■ **Aim of the exercise**
In the records that come next, find every line with "acid". Return those lines.

Records for the exercise Block Start

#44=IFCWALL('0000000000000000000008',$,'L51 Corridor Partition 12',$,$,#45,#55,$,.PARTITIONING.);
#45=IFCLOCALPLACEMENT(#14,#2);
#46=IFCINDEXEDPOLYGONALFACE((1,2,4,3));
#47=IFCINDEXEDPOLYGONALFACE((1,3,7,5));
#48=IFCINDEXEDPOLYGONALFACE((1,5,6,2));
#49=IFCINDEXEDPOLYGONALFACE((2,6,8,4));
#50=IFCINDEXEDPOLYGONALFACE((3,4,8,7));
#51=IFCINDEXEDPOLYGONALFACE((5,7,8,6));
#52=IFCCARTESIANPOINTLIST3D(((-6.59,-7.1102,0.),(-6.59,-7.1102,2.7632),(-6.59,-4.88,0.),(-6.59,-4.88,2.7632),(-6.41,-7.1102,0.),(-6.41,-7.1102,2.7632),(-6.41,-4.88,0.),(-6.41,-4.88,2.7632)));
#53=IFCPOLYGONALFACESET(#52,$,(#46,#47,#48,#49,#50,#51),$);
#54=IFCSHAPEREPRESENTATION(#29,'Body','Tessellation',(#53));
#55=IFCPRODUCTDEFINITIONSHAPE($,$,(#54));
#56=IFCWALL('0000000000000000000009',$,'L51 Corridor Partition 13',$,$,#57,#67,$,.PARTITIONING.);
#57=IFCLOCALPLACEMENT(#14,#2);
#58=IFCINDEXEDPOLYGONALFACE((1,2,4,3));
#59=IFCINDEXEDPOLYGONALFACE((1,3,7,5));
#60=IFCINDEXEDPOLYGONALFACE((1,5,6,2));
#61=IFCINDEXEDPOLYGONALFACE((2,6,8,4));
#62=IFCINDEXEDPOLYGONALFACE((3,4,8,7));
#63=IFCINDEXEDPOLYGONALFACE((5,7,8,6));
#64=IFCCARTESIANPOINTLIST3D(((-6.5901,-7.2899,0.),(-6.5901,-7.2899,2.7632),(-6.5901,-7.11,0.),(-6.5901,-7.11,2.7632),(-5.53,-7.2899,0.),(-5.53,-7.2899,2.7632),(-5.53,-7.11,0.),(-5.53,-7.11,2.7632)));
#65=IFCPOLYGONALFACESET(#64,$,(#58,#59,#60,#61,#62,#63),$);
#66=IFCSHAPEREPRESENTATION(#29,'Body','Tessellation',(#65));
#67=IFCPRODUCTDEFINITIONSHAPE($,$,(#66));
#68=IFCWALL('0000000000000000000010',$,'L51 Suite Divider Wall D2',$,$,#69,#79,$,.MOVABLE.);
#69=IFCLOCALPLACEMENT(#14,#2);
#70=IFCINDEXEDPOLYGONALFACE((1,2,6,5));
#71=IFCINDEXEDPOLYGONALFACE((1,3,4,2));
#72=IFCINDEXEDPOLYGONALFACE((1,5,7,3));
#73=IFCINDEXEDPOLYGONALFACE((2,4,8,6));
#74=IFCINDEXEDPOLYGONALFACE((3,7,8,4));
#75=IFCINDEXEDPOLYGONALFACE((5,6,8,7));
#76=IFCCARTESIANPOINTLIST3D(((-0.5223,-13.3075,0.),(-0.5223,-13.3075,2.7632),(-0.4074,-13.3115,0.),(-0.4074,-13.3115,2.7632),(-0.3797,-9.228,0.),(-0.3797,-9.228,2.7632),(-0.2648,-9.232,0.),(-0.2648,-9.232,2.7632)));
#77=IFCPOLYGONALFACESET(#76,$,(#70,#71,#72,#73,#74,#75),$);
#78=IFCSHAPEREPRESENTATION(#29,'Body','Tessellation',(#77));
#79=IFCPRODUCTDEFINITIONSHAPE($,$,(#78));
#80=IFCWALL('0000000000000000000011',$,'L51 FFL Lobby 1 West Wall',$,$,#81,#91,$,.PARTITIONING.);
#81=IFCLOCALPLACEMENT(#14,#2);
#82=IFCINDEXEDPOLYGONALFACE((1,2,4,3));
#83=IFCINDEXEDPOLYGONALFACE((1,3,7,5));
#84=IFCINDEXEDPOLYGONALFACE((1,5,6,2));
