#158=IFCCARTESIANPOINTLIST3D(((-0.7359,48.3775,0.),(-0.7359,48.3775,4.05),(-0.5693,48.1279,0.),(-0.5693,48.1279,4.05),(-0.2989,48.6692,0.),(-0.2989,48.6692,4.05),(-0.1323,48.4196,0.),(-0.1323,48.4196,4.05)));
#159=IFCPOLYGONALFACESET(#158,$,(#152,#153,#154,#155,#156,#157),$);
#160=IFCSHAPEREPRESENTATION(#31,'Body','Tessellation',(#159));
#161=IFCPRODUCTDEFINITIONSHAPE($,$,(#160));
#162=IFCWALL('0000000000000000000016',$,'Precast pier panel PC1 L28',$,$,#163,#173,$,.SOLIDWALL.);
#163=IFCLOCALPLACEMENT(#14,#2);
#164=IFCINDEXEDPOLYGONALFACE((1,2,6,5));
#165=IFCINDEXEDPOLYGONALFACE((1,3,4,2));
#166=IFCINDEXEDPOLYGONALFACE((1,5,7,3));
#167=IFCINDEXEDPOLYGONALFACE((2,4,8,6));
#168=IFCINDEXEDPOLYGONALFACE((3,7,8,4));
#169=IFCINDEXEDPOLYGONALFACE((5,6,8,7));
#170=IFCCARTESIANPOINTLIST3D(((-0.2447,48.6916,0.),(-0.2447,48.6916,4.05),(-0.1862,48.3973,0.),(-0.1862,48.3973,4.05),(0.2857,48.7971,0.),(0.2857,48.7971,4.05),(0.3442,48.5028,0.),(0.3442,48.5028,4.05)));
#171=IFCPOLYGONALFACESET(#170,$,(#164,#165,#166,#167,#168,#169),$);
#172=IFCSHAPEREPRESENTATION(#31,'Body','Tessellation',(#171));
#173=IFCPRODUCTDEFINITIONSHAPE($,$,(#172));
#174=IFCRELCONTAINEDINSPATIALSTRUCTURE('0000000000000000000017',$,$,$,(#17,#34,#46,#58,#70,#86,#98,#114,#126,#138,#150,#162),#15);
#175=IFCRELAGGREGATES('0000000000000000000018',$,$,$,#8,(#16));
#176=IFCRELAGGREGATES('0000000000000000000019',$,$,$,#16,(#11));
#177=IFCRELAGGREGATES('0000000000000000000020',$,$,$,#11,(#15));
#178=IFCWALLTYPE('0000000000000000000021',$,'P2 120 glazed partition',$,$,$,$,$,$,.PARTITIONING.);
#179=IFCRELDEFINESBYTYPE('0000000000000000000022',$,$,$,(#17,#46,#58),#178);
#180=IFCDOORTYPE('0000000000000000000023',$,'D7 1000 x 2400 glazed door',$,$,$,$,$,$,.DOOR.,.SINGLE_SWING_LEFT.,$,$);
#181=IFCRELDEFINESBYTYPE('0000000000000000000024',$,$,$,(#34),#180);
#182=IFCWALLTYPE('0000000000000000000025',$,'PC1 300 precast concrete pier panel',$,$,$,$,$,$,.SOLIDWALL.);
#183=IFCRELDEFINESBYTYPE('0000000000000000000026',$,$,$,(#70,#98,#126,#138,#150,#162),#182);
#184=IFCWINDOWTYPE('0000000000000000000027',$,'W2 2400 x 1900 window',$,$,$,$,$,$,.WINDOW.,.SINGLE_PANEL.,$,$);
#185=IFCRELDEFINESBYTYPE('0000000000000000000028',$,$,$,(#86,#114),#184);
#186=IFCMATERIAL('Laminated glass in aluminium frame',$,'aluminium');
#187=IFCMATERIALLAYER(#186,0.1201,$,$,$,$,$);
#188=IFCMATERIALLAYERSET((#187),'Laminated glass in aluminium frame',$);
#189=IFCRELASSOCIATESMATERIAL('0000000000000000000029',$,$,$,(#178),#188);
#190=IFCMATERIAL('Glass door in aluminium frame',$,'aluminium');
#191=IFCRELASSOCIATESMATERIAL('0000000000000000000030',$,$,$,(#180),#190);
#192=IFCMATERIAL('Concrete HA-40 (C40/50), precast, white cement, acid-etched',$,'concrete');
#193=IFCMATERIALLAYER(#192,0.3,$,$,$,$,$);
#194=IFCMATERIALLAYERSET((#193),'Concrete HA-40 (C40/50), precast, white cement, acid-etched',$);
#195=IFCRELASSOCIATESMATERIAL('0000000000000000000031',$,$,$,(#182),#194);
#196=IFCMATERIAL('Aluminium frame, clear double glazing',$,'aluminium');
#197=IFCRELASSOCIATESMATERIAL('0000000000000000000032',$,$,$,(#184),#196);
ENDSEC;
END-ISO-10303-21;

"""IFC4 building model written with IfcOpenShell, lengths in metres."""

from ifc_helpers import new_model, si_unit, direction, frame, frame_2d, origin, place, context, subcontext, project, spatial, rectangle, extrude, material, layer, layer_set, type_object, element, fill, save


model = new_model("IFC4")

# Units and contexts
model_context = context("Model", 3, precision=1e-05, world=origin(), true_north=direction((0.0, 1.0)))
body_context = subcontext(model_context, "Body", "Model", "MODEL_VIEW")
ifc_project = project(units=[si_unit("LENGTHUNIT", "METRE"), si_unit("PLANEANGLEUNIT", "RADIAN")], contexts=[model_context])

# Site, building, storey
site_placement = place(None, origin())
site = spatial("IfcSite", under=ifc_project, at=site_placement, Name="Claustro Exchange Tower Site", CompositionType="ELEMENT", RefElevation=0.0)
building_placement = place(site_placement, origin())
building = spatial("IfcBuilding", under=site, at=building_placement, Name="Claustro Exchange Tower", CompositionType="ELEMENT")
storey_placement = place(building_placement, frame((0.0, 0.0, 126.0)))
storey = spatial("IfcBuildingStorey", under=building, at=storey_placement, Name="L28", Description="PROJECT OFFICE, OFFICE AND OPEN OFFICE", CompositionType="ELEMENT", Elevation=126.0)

Records for the exercise Block End

■ **Task result**
#192=IFCMATERIAL('Concrete HA-40 (C40/50), precast, white cement, acid-etched',$,'concrete');
#194=IFCMATERIALLAYERSET((#193),'Concrete HA-40 (C40/50), precast, white cement, acid-etched',$);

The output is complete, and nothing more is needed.